Given entries below:

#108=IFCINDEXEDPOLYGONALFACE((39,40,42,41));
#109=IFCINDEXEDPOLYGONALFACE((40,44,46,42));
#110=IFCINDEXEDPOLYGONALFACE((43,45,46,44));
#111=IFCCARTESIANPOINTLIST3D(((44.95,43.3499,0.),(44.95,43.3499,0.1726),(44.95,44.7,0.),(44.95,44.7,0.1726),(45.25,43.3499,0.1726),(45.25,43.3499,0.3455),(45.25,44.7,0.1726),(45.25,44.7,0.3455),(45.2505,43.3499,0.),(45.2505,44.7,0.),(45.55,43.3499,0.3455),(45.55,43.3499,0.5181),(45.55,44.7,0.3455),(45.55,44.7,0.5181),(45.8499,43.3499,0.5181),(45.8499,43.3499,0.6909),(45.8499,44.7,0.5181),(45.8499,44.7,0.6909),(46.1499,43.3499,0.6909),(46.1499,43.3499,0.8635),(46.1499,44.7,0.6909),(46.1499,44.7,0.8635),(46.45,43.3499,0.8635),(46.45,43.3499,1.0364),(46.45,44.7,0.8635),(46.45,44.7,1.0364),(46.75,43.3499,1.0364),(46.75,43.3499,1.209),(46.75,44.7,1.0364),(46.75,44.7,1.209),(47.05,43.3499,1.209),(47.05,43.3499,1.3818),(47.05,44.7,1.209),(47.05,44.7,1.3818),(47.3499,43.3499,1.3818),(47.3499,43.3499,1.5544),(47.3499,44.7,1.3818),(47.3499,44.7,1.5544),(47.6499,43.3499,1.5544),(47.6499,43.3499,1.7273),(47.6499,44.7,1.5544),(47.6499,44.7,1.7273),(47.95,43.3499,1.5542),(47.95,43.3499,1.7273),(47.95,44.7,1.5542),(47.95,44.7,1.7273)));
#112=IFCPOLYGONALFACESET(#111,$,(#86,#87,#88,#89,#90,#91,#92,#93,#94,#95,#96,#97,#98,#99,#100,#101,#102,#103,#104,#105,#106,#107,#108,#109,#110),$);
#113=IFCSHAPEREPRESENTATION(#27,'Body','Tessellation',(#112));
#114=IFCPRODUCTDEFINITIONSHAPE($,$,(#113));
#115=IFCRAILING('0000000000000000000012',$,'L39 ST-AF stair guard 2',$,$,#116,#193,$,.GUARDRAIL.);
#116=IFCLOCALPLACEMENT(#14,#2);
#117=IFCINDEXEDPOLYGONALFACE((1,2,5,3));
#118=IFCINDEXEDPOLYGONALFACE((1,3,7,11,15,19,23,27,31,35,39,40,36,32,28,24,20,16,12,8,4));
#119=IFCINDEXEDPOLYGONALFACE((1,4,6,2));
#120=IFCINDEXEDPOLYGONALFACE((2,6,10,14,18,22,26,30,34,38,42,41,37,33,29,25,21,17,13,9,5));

End of Given entries.

◆ **Task prompt**
Return, unchanged, the run of lines above that opens with the line containing "#109=IFCINDEXEDPOLYGONALFACE((40,44,46,42));" and closes with the line containing "#116=IFCLOCALPLACEMENT(#14,#2);". Include both.

◆ **Written solution**
#109=IFCINDEXEDPOLYGONALFACE((40,44,46,42));
#110=IFCINDEXEDPOLYGONALFACE((43,45,46,44));
#111=IFCCARTESIANPOINTLIST3D(((44.95,43.3499,0.),(44.95,43.3499,0.1726),(44.95,44.7,0.),(44.95,44.7,0.1726),(45.25,43.3499,0.1726),(45.25,43.3499,0.3455),(45.25,44.7,0.1726),(45.25,44.7,0.3455),(45.2505,43.3499,0.),(45.2505,44.7,0.),(45.55,43.3499,0.3455),(45.55,43.3499,0.5181),(45.55,44.7,0.3455),(45.55,44.7,0.5181),(45.8499,43.3499,0.5181),(45.8499,43.3499,0.6909),(45.8499,44.7,0.5181),(45.8499,44.7,0.6909),(46.1499,43.3499,0.6909),(46.1499,43.3499,0.8635),(46.1499,44.7,0.6909),(46.1499,44.7,0.8635),(46.45,43.3499,0.8635),(46.45,43.3499,1.0364),(46.45,44.7,0.8635),(46.45,44.7,1.0364),(46.75,43.3499,1.0364),(46.75,43.3499,1.209),(46.75,44.7,1.0364),(46.75,44.7,1.209),(47.05,43.3499,1.209),(47.05,43.3499,1.3818),(47.05,44.7,1.209),(47.05,44.7,1.3818),(47.3499,43.3499,1.3818),(47.3499,43.3499,1.5544),(47.3499,44.7,1.3818),(47.3499,44.7,1.5544),(47.6499,43.3499,1.5544),(47.6499,43.3499,1.7273),(47.6499,44.7,1.5544),(47.6499,44.7,1.7273),(47.95,43.3499,1.5542),(47.95,43.3499,1.7273),(47.95,44.7,1.5542),(47.95,44.7,1.7273)));
#112=IFCPOLYGONALFACESET(#111,$,(#86,#87,#88,#89,#90,#91,#92,#93,#94,#95,#96,#97,#98,#99,#100,#101,#102,#103,#104,#105,#106,#107,#108,#109,#110),$);
#113=IFCSHAPEREPRESENTATION(#27,'Body','Tessellation',(#112));
#114=IFCPRODUCTDEFINITIONSHAPE($,$,(#113));
#115=IFCRAILING('0000000000000000000012',$,'L39 ST-AF stair guard 2',$,$,#116,#193,$,.GUARDRAIL.);
#116=IFCLOCALPLACEMENT(#14,#2);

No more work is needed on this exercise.